Restate word for word the entries below, starting with the line with "#85=IFCINDEXEDPOLYGONALFACE((5,7,8,6));" and continuing through the line with "#108=IFCINDEXEDPOLYGONALFACE((3,4,8,7));". Include both of those lines and no others.

Data extracted from a collection
== Segment start ==

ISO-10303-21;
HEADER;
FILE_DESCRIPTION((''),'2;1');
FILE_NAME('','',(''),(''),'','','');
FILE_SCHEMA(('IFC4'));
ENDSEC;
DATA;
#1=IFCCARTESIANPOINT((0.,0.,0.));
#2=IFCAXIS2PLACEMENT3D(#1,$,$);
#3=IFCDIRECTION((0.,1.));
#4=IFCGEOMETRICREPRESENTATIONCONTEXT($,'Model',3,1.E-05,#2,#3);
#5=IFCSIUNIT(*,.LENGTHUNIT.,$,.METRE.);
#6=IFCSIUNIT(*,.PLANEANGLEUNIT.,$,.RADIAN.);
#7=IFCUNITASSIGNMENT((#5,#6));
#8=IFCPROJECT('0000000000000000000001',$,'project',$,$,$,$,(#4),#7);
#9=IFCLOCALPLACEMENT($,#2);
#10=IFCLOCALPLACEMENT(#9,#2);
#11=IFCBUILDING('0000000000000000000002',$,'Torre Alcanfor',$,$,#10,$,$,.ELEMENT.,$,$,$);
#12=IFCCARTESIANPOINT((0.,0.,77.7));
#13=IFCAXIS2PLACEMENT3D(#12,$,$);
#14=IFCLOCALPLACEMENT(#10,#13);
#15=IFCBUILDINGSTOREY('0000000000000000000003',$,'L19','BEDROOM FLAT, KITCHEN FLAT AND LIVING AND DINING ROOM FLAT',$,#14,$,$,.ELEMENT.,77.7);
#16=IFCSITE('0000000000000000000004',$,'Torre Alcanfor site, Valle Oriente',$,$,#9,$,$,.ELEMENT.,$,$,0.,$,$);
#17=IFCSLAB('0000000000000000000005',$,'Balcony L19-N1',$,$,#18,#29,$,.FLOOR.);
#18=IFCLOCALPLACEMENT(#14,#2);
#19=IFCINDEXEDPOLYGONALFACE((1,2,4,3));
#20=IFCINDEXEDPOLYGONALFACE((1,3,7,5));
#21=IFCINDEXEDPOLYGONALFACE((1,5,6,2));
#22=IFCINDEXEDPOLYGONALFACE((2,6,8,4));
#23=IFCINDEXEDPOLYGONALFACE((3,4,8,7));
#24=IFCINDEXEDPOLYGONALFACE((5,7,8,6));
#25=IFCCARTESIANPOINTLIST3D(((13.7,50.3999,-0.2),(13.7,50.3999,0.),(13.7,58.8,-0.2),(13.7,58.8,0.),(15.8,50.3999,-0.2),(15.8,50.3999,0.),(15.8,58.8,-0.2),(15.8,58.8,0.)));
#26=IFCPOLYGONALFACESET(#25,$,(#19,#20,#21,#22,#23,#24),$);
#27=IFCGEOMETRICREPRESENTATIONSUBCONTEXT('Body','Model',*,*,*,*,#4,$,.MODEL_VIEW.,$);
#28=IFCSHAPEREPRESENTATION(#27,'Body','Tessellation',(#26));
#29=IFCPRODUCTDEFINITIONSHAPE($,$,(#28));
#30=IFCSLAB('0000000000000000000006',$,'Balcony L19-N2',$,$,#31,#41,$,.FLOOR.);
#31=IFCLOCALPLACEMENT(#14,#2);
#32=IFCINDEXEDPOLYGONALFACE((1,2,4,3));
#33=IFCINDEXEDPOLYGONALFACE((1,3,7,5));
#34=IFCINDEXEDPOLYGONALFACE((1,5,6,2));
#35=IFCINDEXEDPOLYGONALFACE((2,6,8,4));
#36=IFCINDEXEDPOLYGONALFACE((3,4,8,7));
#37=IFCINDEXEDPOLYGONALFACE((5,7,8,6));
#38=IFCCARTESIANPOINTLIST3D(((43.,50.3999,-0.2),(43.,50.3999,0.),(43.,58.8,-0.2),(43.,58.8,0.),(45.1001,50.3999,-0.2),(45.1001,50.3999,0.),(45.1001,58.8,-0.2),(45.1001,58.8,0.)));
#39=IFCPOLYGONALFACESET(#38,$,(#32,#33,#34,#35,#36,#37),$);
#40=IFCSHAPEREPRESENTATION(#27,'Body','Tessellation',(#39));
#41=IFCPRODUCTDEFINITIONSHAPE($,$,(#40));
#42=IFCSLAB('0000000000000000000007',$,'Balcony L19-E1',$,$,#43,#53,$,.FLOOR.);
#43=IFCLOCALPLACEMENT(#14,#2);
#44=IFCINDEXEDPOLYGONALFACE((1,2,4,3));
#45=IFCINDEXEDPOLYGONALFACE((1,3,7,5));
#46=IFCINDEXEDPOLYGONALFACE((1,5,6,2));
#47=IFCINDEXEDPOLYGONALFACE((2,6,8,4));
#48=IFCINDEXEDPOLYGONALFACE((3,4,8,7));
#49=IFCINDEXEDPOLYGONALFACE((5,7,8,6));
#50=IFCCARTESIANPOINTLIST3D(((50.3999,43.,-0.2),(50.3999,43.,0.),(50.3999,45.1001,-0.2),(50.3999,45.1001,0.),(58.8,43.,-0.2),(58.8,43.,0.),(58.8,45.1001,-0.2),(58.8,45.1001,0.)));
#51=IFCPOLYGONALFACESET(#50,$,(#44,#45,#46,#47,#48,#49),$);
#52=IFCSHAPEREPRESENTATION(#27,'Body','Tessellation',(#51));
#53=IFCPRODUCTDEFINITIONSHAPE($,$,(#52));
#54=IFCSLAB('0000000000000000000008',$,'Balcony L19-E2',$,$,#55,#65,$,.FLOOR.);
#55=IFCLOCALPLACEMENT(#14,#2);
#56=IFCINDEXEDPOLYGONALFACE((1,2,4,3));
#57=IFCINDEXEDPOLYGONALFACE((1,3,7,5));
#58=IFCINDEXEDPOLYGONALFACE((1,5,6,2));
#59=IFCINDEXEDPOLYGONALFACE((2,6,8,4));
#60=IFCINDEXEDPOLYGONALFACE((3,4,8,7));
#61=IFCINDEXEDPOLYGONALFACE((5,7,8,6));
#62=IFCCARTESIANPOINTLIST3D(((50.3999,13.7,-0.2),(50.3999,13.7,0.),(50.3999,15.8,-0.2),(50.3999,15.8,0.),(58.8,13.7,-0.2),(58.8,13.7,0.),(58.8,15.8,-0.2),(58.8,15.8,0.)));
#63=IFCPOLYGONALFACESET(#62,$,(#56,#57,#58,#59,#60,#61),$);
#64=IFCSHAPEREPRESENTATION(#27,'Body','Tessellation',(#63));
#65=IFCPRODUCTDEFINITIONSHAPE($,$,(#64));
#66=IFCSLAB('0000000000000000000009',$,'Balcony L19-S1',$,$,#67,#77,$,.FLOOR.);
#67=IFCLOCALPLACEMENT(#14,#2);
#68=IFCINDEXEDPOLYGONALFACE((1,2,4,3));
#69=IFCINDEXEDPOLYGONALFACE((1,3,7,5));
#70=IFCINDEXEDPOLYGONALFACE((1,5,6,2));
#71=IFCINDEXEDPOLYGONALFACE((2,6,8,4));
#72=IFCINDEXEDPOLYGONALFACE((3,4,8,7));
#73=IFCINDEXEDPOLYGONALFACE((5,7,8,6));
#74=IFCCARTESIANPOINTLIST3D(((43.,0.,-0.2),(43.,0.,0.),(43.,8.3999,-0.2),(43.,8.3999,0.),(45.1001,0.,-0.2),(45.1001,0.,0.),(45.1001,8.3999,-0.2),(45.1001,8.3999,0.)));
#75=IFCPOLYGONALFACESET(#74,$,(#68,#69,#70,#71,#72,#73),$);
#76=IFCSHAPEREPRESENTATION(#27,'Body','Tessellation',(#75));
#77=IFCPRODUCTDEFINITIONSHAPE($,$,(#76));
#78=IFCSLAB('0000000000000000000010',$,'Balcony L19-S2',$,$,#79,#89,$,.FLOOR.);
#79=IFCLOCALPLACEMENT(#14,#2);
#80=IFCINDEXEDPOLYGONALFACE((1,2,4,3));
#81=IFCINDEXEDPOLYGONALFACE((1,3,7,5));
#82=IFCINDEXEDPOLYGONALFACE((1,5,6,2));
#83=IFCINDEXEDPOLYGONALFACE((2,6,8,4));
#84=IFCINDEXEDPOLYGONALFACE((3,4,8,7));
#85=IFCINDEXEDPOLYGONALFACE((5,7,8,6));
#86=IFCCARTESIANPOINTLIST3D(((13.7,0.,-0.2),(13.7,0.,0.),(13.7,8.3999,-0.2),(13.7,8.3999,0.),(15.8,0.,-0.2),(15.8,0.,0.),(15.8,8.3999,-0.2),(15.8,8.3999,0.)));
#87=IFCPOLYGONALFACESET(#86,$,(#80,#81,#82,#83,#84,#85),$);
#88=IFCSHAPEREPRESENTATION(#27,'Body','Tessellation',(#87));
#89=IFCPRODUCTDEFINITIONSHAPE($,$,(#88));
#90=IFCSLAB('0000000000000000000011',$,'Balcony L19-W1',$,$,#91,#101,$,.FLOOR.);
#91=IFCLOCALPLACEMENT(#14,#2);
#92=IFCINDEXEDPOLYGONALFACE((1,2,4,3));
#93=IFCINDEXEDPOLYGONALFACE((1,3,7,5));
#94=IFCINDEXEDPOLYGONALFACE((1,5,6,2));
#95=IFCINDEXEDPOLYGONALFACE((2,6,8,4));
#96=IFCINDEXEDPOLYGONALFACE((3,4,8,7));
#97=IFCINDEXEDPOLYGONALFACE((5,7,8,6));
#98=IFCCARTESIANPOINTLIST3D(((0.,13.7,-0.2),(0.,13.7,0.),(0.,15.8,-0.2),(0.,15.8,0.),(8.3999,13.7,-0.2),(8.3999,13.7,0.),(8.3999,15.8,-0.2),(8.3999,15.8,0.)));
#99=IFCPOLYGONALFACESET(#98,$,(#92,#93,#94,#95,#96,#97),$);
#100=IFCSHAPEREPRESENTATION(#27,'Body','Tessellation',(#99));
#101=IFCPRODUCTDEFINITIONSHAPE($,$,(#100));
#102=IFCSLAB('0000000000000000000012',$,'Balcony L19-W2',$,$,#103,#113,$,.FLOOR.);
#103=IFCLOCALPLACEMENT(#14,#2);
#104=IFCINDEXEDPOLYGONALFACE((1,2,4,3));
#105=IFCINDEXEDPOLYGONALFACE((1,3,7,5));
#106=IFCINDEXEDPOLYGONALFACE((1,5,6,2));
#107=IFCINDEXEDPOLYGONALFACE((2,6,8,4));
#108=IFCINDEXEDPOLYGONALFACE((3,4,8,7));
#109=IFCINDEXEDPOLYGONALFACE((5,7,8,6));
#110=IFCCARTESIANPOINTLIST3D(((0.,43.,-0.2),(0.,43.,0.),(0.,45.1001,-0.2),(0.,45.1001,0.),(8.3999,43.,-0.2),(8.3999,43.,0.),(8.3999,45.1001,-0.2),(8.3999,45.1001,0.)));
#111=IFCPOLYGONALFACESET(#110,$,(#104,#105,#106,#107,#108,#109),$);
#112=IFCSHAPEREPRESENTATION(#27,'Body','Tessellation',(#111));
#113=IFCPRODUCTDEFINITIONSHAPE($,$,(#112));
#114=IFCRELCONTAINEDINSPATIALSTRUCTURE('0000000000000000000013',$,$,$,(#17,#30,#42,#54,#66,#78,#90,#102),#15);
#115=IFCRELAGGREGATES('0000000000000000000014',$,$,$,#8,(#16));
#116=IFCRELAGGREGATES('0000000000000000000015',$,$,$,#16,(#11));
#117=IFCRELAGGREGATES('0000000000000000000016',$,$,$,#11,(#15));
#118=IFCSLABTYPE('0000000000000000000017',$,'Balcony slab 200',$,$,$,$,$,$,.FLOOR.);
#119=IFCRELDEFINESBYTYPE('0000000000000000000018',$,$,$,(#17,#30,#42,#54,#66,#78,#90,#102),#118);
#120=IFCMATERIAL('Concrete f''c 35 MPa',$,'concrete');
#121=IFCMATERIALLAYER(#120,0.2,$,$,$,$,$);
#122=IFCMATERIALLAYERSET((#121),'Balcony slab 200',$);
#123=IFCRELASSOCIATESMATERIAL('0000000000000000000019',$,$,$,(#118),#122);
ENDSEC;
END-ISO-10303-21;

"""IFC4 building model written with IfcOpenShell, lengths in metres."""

from ifc_helpers import new_model, si_unit, direction, frame, origin, place, context, subcontext, project, spatial, polyline, outline, extrude, material, layer, layer_set, type_object, element, save


model = new_model("IFC4")

# Units and contexts
model_context = context("Model", 3, precision=1e-05, world=origin(), true_north=direction((0.0, 1.0)))
body_context = subcontext(model_context, "Body", "Model", "MODEL_VIEW")
ifc_project = project(units=[si_unit("LENGTHUNIT", "METRE"), si_unit("PLANEANGLEUNIT", "RADIAN")], contexts=[model_context])

# Site, building, storey
site_placement = place(None, origin())
site = spatial("IfcSite", under=ifc_project, at=site_placement, Name="Torre Alcanfor site, Valle Oriente", CompositionType="ELEMENT", RefElevation=0.0)
building_placement = place(site_placement, origin())
building = spatial("IfcBuilding", under=site, at=building_placement, Name="Torre Alcanfor", CompositionType="ELEMENT")
storey_placement = place(building_placement, frame((0.0, 0.0, 77.7)))
storey = spatial("IfcBuildingStorey", under=building, at=storey_placement, Name="L19", Description="BEDROOM FLAT, KITCHEN FLAT AND LIVING AND DINING ROOM FLAT", CompositionType="ELEMENT", Elevation=77.7)

# Slabs
ifc_material_1 = material(Name="Concrete f'c 35 MPa", Category="concrete")
ifc_layer_1 = layer(ifc_material_1, 0.2)
ifc_layer_set_1 = layer_set([ifc_layer_1], Name="Balcony slab 200")
slab_type_1 = type_object("IfcSlabType", Name="Balcony slab 200", PredefinedType="FLOOR", material=ifc_layer_set_1)
slab_1_placement = place(storey_placement, frame((0.0, 0.0, -0.2)))
element("IfcSlab", 1, at=slab_1_placement, inside=storey, type_object=slab_type_1, Name="Balcony L19-N1", PredefinedType="FLOOR", context=body_context, shape_type="SweptSolid", body=[
    extrude(outline(polyline([(15.8, 50.3999), (15.8, 58.8), (13.7, 58.8), (13.7, 50.3999), (15.8, 50.3999)])), origin(), (0.0, 0.0, 1.0), 0.2),
])
slab_2_placement = place(storey_placement, frame((0.0, 0.0, -0.2)))
element("IfcSlab", 2, at=slab_2_placement, inside=storey, type_object=slab_type_1, Name="Balcony L19-N2", PredefinedType="FLOOR", context=body_context, shape_type="SweptSolid", body=[
    extrude(outline(polyline([(45.1001, 50.3999), (45.1001, 58.8), (43.0, 58.8), (43.0, 50.3999), (45.1001, 50.3999)])), origin(), (0.0, 0.0, 1.0), 0.2),
])
slab_3_placement = place(storey_placement, frame((0.0, 0.0, -0.2)))
element("IfcSlab", 3, at=slab_3_placement, inside=storey, type_object=slab_type_1, Name="Balcony L19-E1", PredefinedType="FLOOR", context=body_context, shape_type="SweptSolid", body=[
    extrude(outline(polyline([(50.3999, 43.0), (58.8, 43.0), (58.8, 45.1001), (50.3999, 45.1001), (50.3999, 43.0)])), origin(), (0.0, 0.0, 1.0), 0.2),
])
slab_4_placement = place(storey_placement, frame((0.0, 0.0, -0.2)))
element("IfcSlab", 4, at=slab_4_placement, inside=storey, type_object=slab_type_1, Name="Balcony L19-E2", PredefinedType="FLOOR", context=body_context, shape_type="SweptSolid", body=[
    extrude(outline(polyline([(50.3999, 13.7), (58.8, 13.7), (58.8, 15.8), (50.3999, 15.8), (50.3999, 13.7)])), origin(), (0.0, 0.0, 1.0), 0.2),
])
slab_5_placement = place(storey_placement, frame((0.0, 0.0, -0.2)))
element("IfcSlab", 5, at=slab_5_placement, inside=storey, type_object=slab_type_1, Name="Balcony L19-S1", PredefinedType="FLOOR", context=body_context, shape_type="SweptSolid", body=[
    extrude(outline(polyline([(43.0, 8.3999), (43.0, 0.0), (45.1001, 0.0), (45.1001, 8.3999), (43.0, 8.3999)])), origin(), (0.0, 0.0, 1.0), 0.2),
])
slab_6_placement = place(storey_placement, frame((0.0, 0.0, -0.2)))
element("IfcSlab", 6, at=slab_6_placement, inside=storey, type_object=slab_type_1, Name="Balcony L19-S2", PredefinedType="FLOOR", context=body_context, shape_type="SweptSolid", body=[
    extrude(outline(polyline([(13.7, 8.3999), (13.7, 0.0), (15.8, 0.0), (15.8, 8.3999), (13.7, 8.3999)])), origin(), (0.0, 0.0, 1.0), 0.2),
])
slab_7_placement = place(storey_placement, frame((0.0, 0.0, -0.2)))
element("IfcSlab", 7, at=slab_7_placement, inside=storey, type_object=slab_type_1, Name="Balcony L19-W1", PredefinedType="FLOOR", context=body_context, shape_type="SweptSolid", body=[
    extrude(outline(polyline([(8.3999, 15.8), (0.0, 15.8), (0.0, 13.7), (8.3999, 13.7), (8.3999, 15.8)])), origin(), (0.0, 0.0, 1.0), 0.2),
])
slab_8_placement = place(storey_placement, frame((0.0, 0.0, -0.2)))
element("IfcSlab", 8, at=slab_8_placement, inside=storey, type_object=slab_type_1, Name="Balcony L19-W2", PredefinedType="FLOOR", context=body_context, shape_type="SweptSolid", body=[
    extrude(outline(polyline([(8.3999, 45.1001), (0.0, 45.1001), (0.0, 43.0), (8.3999, 43.0), (8.3999, 45.1001)])), origin(), (0.0, 0.0, 1.0), 0.2),
])

save(model, "model.ifc")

== Segment end ==

### WRITTEN RESPONSE
#85=IFCINDEXEDPOLYGONALFACE((5,7,8,6));
#86=IFCCARTESIANPOINTLIST3D(((13.7,0.,-0.2),(13.7,0.,0.),(13.7,8.3999,-0.2),(13.7,8.3999,0.),(15.8,0.,-0.2),(15.8,0.,0.),(15.8,8.3999,-0.2),(15.8,8.3999,0.)));
#87=IFCPOLYGONALFACESET(#86,$,(#80,#81,#82,#83,#84,#85),$);
#88=IFCSHAPEREPRESENTATION(#27,'Body','Tessellation',(#87));
#89=IFCPRODUCTDEFINITIONSHAPE($,$,(#88));
#90=IFCSLAB('0000000000000000000011',$,'Balcony L19-W1',$,$,#91,#101,$,.FLOOR.);
#91=IFCLOCALPLACEMENT(#14,#2);
#92=IFCINDEXEDPOLYGONALFACE((1,2,4,3));
#93=IFCINDEXEDPOLYGONALFACE((1,3,7,5));
#94=IFCINDEXEDPOLYGONALFACE((1,5,6,2));
#95=IFCINDEXEDPOLYGONALFACE((2,6,8,4));
#96=IFCINDEXEDPOLYGONALFACE((3,4,8,7));
#97=IFCINDEXEDPOLYGONALFACE((5,7,8,6));
#98=IFCCARTESIANPOINTLIST3D(((0.,13.7,-0.2),(0.,13.7,0.),(0.,15.8,-0.2),(0.,15.8,0.),(8.3999,13.7,-0.2),(8.3999,13.7,0.),(8.3999,15.8,-0.2),(8.3999,15.8,0.)));
#99=IFCPOLYGONALFACESET(#98,$,(#92,#93,#94,#95,#96,#97),$);
#100=IFCSHAPEREPRESENTATION(#27,'Body','Tessellation',(#99));
#101=IFCPRODUCTDEFINITIONSHAPE($,$,(#100));
#102=IFCSLAB('0000000000000000000012',$,'Balcony L19-W2',$,$,#103,#113,$,.FLOOR.);
#103=IFCLOCALPLACEMENT(#14,#2);
#104=IFCINDEXEDPOLYGONALFACE((1,2,4,3));
#105=IFCINDEXEDPOLYGONALFACE((1,3,7,5));
#106=IFCINDEXEDPOLYGONALFACE((1,5,6,2));
#107=IFCINDEXEDPOLYGONALFACE((2,6,8,4));
#108=IFCINDEXEDPOLYGONALFACE((3,4,8,7));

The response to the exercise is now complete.